- **Work instructions**
Repeat only the stretch of lines below that runs from the line with "building_placement = place(site_placement, origin_with_axes())" through the line with "0.0, 15.6), z_axis=(0.0, 0.0, 1.0), x_axis=(1.0, 0.0, 0.0)))", unaltered.

- **Recorded information**

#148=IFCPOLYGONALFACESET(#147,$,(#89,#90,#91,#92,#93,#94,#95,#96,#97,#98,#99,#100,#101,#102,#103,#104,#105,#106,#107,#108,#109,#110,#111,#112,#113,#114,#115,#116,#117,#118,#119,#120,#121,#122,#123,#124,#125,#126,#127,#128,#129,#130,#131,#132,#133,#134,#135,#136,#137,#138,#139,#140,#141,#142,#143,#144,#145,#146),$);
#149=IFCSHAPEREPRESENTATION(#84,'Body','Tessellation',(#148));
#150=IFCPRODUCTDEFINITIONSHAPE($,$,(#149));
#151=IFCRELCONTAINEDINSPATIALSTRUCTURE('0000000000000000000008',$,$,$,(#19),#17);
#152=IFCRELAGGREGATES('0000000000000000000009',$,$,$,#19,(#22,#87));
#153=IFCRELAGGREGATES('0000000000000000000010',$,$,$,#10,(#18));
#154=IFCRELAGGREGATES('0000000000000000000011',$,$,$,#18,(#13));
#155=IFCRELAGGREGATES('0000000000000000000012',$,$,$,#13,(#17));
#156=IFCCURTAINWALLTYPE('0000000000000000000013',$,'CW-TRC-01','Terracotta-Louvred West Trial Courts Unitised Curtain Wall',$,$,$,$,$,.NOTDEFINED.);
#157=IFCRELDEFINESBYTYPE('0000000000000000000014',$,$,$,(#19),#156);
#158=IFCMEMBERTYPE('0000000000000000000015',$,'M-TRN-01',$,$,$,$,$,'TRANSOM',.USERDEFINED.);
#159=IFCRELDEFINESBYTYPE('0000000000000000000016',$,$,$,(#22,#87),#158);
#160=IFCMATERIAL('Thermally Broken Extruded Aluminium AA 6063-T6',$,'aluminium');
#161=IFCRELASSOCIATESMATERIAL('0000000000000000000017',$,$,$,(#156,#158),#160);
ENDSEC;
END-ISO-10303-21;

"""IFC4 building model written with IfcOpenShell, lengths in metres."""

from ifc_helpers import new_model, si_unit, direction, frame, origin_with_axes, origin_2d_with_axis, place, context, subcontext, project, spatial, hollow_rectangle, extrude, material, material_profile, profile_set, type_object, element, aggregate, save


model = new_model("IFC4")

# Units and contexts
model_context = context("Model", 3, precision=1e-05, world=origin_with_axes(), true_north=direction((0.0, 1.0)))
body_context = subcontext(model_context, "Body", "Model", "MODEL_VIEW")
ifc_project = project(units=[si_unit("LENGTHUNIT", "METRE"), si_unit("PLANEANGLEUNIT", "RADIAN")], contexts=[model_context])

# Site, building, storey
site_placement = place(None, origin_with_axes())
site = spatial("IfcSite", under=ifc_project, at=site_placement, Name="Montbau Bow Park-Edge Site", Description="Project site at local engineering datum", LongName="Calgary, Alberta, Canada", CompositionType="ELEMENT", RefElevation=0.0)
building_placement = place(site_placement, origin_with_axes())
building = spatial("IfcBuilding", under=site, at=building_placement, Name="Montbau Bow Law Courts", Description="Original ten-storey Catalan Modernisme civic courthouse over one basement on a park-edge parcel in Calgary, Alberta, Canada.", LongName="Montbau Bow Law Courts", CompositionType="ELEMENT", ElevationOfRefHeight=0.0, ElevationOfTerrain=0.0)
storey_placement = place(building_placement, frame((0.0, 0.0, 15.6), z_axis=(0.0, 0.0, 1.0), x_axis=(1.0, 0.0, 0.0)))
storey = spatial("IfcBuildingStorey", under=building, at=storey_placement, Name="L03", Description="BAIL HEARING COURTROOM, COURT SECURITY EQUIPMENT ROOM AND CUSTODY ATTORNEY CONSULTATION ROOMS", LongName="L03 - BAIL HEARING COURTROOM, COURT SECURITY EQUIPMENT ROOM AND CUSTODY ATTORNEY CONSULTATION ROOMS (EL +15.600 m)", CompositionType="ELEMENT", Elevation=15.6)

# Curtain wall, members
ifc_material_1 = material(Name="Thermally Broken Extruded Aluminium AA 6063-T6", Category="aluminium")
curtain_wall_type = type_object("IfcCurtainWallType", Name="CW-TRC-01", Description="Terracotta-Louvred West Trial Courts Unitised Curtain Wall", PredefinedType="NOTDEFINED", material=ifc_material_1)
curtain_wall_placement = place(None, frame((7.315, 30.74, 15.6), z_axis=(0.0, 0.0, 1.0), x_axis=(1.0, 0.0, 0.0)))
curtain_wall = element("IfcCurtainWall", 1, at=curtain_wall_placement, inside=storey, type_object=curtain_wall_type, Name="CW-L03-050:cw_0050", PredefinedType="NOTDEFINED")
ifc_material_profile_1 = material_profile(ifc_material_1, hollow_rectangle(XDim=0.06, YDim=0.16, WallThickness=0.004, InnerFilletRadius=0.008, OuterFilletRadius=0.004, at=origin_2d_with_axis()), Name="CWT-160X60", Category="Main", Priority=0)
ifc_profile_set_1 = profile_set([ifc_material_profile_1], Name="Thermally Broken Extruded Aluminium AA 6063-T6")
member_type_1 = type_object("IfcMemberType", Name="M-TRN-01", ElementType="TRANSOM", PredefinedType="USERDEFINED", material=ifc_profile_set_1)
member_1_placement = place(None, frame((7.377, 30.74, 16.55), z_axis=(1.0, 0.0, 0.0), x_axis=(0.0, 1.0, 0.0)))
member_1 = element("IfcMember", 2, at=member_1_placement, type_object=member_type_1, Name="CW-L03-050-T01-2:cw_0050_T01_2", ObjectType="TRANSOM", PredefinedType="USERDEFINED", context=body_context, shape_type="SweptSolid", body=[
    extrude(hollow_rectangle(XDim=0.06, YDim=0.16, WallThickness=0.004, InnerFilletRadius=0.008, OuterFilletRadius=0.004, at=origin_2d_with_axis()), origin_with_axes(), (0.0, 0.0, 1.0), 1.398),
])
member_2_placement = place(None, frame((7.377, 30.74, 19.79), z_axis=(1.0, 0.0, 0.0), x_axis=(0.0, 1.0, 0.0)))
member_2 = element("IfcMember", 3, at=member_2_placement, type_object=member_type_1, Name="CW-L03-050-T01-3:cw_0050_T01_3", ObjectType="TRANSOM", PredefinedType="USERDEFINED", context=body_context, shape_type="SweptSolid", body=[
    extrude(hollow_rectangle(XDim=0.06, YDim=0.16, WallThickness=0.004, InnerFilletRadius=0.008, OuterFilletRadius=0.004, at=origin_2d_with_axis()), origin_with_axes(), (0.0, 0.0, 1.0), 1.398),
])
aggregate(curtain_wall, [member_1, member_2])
==
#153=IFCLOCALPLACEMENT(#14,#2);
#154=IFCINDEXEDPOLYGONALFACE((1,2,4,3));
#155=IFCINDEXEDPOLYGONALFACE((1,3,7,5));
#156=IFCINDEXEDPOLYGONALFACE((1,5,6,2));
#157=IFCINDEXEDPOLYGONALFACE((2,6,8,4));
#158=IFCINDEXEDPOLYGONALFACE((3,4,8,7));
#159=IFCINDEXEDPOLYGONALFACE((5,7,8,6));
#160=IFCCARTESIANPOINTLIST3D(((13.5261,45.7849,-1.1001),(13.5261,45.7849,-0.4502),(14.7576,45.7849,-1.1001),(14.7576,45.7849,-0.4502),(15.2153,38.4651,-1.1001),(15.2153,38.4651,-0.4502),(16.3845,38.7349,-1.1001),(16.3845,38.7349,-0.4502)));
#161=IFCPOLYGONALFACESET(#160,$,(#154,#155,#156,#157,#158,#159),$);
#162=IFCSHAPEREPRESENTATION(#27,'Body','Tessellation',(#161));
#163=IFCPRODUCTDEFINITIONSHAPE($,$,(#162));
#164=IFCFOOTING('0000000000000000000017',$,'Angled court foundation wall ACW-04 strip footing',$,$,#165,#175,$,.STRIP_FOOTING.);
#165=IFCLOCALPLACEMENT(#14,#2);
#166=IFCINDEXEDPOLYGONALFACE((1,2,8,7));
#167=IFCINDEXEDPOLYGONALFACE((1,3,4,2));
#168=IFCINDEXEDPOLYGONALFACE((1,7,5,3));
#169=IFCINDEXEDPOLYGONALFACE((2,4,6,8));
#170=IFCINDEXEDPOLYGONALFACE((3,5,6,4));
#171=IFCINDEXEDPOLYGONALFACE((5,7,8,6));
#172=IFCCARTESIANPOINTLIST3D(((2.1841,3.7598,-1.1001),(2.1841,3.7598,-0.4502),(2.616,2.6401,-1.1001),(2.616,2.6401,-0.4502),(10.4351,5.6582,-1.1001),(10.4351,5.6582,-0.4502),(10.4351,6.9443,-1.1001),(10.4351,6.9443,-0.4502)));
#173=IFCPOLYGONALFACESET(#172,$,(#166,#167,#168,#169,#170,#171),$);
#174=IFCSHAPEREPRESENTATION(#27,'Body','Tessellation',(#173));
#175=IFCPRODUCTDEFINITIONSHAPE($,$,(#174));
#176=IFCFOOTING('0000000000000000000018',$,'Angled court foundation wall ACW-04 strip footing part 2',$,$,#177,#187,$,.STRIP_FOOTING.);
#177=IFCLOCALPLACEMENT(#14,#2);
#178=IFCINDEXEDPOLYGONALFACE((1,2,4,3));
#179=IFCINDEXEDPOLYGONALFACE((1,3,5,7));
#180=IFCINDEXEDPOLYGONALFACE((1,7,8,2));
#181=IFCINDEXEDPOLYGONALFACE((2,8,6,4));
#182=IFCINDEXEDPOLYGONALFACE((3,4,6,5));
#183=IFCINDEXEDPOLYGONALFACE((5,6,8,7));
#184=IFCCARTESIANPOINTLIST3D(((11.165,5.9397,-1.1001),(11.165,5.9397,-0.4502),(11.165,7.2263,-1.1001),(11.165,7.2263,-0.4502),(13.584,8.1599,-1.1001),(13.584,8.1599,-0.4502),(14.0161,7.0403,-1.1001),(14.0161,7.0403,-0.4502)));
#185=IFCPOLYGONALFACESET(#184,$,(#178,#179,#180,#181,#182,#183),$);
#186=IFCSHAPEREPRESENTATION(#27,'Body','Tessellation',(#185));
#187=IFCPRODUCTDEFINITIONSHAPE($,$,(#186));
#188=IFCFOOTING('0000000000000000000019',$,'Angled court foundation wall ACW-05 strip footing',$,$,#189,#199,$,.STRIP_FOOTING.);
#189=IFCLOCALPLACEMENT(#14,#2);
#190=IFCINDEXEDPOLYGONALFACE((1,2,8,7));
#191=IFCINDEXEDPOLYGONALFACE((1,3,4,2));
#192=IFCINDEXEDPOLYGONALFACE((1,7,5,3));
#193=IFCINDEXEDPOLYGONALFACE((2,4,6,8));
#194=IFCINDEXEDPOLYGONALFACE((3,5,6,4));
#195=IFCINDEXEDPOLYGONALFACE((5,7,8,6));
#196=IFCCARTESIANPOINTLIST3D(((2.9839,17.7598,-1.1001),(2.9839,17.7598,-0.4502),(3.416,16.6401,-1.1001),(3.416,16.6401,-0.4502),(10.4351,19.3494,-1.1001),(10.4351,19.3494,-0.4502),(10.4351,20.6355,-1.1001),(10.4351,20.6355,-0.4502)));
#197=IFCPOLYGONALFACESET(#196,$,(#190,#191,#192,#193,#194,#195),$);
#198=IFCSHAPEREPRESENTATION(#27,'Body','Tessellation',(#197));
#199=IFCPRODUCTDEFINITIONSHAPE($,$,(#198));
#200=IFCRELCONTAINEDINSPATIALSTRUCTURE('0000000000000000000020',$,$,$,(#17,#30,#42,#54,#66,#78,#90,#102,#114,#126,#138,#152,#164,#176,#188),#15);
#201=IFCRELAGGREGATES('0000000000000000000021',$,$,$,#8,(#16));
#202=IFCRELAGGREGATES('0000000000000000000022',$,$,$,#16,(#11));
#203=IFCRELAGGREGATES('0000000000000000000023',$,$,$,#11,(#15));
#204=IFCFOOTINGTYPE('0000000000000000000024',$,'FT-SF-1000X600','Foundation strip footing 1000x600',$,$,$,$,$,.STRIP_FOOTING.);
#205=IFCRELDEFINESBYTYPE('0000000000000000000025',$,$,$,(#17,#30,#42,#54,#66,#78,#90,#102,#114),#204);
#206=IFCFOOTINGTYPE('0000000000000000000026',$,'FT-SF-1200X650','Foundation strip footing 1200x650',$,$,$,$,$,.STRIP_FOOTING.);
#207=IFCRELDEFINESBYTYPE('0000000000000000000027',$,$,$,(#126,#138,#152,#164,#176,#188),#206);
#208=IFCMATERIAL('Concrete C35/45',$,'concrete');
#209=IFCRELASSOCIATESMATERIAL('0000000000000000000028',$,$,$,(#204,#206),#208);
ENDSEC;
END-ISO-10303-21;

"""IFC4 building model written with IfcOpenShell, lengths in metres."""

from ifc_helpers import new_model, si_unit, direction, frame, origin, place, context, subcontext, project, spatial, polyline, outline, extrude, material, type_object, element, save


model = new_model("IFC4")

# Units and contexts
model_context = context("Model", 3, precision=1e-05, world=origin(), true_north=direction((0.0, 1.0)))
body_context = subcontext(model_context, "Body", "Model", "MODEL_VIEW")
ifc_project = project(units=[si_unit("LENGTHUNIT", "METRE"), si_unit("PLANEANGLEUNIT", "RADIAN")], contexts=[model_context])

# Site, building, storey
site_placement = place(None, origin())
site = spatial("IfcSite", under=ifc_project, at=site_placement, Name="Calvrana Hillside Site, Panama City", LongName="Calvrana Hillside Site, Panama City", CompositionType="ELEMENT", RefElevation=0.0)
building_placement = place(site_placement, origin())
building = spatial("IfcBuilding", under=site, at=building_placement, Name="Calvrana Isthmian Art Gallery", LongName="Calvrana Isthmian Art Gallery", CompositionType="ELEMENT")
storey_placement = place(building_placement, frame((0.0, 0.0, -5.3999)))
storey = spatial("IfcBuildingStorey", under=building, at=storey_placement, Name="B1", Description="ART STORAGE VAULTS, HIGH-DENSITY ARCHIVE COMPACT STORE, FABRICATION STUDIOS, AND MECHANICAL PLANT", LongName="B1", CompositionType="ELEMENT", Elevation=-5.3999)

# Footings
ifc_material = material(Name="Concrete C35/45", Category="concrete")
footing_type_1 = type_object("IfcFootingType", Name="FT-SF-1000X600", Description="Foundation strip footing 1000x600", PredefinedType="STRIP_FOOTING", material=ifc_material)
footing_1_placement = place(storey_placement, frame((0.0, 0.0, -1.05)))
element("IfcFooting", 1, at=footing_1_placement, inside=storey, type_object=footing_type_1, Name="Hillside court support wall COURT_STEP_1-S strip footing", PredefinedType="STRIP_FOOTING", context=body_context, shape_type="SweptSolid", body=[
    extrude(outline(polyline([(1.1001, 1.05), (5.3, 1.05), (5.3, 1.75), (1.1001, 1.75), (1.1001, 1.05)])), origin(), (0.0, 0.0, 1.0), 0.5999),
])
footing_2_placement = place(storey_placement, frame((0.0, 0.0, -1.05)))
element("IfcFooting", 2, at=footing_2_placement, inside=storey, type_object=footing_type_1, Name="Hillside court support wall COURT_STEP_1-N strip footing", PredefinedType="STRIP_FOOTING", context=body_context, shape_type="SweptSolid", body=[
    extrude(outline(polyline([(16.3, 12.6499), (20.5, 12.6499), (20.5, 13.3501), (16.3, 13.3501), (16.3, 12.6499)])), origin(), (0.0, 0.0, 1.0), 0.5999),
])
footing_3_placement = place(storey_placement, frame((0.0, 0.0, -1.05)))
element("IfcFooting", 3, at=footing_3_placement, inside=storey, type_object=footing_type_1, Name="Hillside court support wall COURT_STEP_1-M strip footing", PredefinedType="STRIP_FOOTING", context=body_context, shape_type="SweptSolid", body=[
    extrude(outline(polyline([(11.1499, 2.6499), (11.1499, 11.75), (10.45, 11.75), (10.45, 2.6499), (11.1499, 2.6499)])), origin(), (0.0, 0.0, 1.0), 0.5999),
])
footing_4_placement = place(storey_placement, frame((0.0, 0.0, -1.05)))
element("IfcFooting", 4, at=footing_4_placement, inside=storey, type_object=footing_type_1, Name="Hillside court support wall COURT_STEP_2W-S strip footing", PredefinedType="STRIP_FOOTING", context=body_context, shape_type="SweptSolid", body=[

- **Task output**
building_placement = place(site_placement, origin_with_axes())
building = spatial("IfcBuilding", under=site, at=building_placement, Name="Montbau Bow Law Courts", Description="Original ten-storey Catalan Modernisme civic courthouse over one basement on a park-edge parcel in Calgary, Alberta, Canada.", LongName="Montbau Bow Law Courts", CompositionType="ELEMENT", ElevationOfRefHeight=0.0, ElevationOfTerrain=0.0)
storey_placement = place(building_placement, frame((0.0, 0.0, 15.6), z_axis=(0.0, 0.0, 1.0), x_axis=(1.0, 0.0, 0.0)))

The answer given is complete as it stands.